Description of the task | Restate every record that follows, keeping it exact.

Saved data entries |
********
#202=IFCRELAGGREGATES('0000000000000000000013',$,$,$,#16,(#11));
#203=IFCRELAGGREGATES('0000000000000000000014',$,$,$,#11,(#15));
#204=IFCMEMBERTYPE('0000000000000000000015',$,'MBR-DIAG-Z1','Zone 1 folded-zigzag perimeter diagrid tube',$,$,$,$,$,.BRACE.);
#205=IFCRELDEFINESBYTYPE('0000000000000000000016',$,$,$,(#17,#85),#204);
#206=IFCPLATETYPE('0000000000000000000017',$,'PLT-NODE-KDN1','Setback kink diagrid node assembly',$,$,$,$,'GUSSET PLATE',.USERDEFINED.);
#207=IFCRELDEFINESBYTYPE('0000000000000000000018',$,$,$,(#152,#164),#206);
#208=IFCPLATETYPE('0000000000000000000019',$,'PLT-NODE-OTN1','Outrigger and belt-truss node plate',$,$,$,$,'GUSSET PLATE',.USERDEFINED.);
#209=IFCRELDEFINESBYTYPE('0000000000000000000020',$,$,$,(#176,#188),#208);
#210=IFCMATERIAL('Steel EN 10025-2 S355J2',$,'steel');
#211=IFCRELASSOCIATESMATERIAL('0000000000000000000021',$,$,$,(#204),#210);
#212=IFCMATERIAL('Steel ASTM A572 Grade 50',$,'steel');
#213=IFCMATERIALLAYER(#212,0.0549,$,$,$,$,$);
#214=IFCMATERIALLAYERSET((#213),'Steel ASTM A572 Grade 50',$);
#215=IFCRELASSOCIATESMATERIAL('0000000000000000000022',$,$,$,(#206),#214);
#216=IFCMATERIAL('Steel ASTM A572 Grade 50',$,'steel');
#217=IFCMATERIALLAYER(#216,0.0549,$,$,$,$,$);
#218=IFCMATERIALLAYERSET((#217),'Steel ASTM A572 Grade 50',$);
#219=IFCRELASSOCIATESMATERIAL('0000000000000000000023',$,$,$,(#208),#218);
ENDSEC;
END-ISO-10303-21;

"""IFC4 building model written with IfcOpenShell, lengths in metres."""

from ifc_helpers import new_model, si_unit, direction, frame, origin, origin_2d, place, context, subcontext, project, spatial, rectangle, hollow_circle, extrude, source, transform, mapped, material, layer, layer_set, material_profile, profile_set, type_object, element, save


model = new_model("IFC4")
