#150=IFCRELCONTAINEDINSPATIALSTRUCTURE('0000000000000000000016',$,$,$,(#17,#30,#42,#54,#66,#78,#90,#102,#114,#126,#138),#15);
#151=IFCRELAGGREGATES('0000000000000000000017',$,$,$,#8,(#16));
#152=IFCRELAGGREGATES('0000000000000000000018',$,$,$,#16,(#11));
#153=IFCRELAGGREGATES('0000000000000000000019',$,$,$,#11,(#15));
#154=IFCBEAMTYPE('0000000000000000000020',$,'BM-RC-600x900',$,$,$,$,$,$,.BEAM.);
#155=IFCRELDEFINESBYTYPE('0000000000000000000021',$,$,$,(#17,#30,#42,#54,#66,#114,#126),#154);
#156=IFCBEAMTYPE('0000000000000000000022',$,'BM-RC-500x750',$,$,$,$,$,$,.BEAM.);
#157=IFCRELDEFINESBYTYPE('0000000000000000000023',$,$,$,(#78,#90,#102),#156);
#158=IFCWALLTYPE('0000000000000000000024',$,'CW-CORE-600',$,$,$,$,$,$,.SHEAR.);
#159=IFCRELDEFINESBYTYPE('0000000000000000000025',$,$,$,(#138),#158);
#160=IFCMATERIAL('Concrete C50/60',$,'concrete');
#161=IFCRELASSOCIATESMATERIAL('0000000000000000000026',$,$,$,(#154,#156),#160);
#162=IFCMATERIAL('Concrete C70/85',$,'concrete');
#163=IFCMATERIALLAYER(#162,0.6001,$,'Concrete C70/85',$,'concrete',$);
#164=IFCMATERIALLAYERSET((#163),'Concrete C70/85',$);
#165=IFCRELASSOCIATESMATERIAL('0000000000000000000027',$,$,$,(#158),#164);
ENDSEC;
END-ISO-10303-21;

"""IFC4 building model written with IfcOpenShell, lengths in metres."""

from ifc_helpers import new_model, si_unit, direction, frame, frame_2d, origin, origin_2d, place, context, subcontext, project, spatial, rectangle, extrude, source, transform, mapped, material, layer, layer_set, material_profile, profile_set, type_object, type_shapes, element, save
********
Answer space |
#202=IFCRELAGGREGATES('0000000000000000000013',$,$,$,#16,(#11));
#203=IFCRELAGGREGATES('0000000000000000000014',$,$,$,#11,(#15));
#204=IFCMEMBERTYPE('0000000000000000000015',$,'MBR-DIAG-Z1','Zone 1 folded-zigzag perimeter diagrid tube',$,$,$,$,$,.BRACE.);
#205=IFCRELDEFINESBYTYPE('0000000000000000000016',$,$,$,(#17,#85),#204);
#206=IFCPLATETYPE('0000000000000000000017',$,'PLT-NODE-KDN1','Setback kink diagrid node assembly',$,$,$,$,'GUSSET PLATE',.USERDEFINED.);
#207=IFCRELDEFINESBYTYPE('0000000000000000000018',$,$,$,(#152,#164),#206);
#208=IFCPLATETYPE('0000000000000000000019',$,'PLT-NODE-OTN1','Outrigger and belt-truss node plate',$,$,$,$,'GUSSET PLATE',.USERDEFINED.);
#209=IFCRELDEFINESBYTYPE('0000000000000000000020',$,$,$,(#176,#188),#208);
#210=IFCMATERIAL('Steel EN 10025-2 S355J2',$,'steel');
#211=IFCRELASSOCIATESMATERIAL('0000000000000000000021',$,$,$,(#204),#210);
#212=IFCMATERIAL('Steel ASTM A572 Grade 50',$,'steel');
#213=IFCMATERIALLAYER(#212,0.0549,$,$,$,$,$);
#214=IFCMATERIALLAYERSET((#213),'Steel ASTM A572 Grade 50',$);
#215=IFCRELASSOCIATESMATERIAL('0000000000000000000022',$,$,$,(#206),#214);
#216=IFCMATERIAL('Steel ASTM A572 Grade 50',$,'steel');
#217=IFCMATERIALLAYER(#216,0.0549,$,$,$,$,$);
#218=IFCMATERIALLAYERSET((#217),'Steel ASTM A572 Grade 50',$);
#219=IFCRELASSOCIATESMATERIAL('0000000000000000000023',$,$,$,(#208),#218);
ENDSEC;
END-ISO-10303-21;

"""IFC4 building model written with IfcOpenShell, lengths in metres."""

from ifc_helpers import new_model, si_unit, direction, frame, origin, origin_2d, place, context, subcontext, project, spatial, rectangle, hollow_circle, extrude, source, transform, mapped, material, layer, layer_set, material_profile, profile_set, type_object, element, save


model = new_model("IFC4")
#150=IFCRELCONTAINEDINSPATIALSTRUCTURE('0000000000000000000016',$,$,$,(#17,#30,#42,#54,#66,#78,#90,#102,#114,#126,#138),#15);
#151=IFCRELAGGREGATES('0000000000000000000017',$,$,$,#8,(#16));
#152=IFCRELAGGREGATES('0000000000000000000018',$,$,$,#16,(#11));
#153=IFCRELAGGREGATES('0000000000000000000019',$,$,$,#11,(#15));
#154=IFCBEAMTYPE('0000000000000000000020',$,'BM-RC-600x900',$,$,$,$,$,$,.BEAM.);
#155=IFCRELDEFINESBYTYPE('0000000000000000000021',$,$,$,(#17,#30,#42,#54,#66,#114,#126),#154);
#156=IFCBEAMTYPE('0000000000000000000022',$,'BM-RC-500x750',$,$,$,$,$,$,.BEAM.);
#157=IFCRELDEFINESBYTYPE('0000000000000000000023',$,$,$,(#78,#90,#102),#156);
#158=IFCWALLTYPE('0000000000000000000024',$,'CW-CORE-600',$,$,$,$,$,$,.SHEAR.);
#159=IFCRELDEFINESBYTYPE('0000000000000000000025',$,$,$,(#138),#158);
#160=IFCMATERIAL('Concrete C50/60',$,'concrete');
#161=IFCRELASSOCIATESMATERIAL('0000000000000000000026',$,$,$,(#154,#156),#160);
#162=IFCMATERIAL('Concrete C70/85',$,'concrete');
#163=IFCMATERIALLAYER(#162,0.6001,$,'Concrete C70/85',$,'concrete',$);
#164=IFCMATERIALLAYERSET((#163),'Concrete C70/85',$);
#165=IFCRELASSOCIATESMATERIAL('0000000000000000000027',$,$,$,(#158),#164);
ENDSEC;
END-ISO-10303-21;

"""IFC4 building model written with IfcOpenShell, lengths in metres."""

from ifc_helpers import new_model, si_unit, direction, frame, frame_2d, origin, origin_2d, place, context, subcontext, project, spatial, rectangle, extrude, source, transform, mapped, material, layer, layer_set, material_profile, profile_set, type_object, type_shapes, element, save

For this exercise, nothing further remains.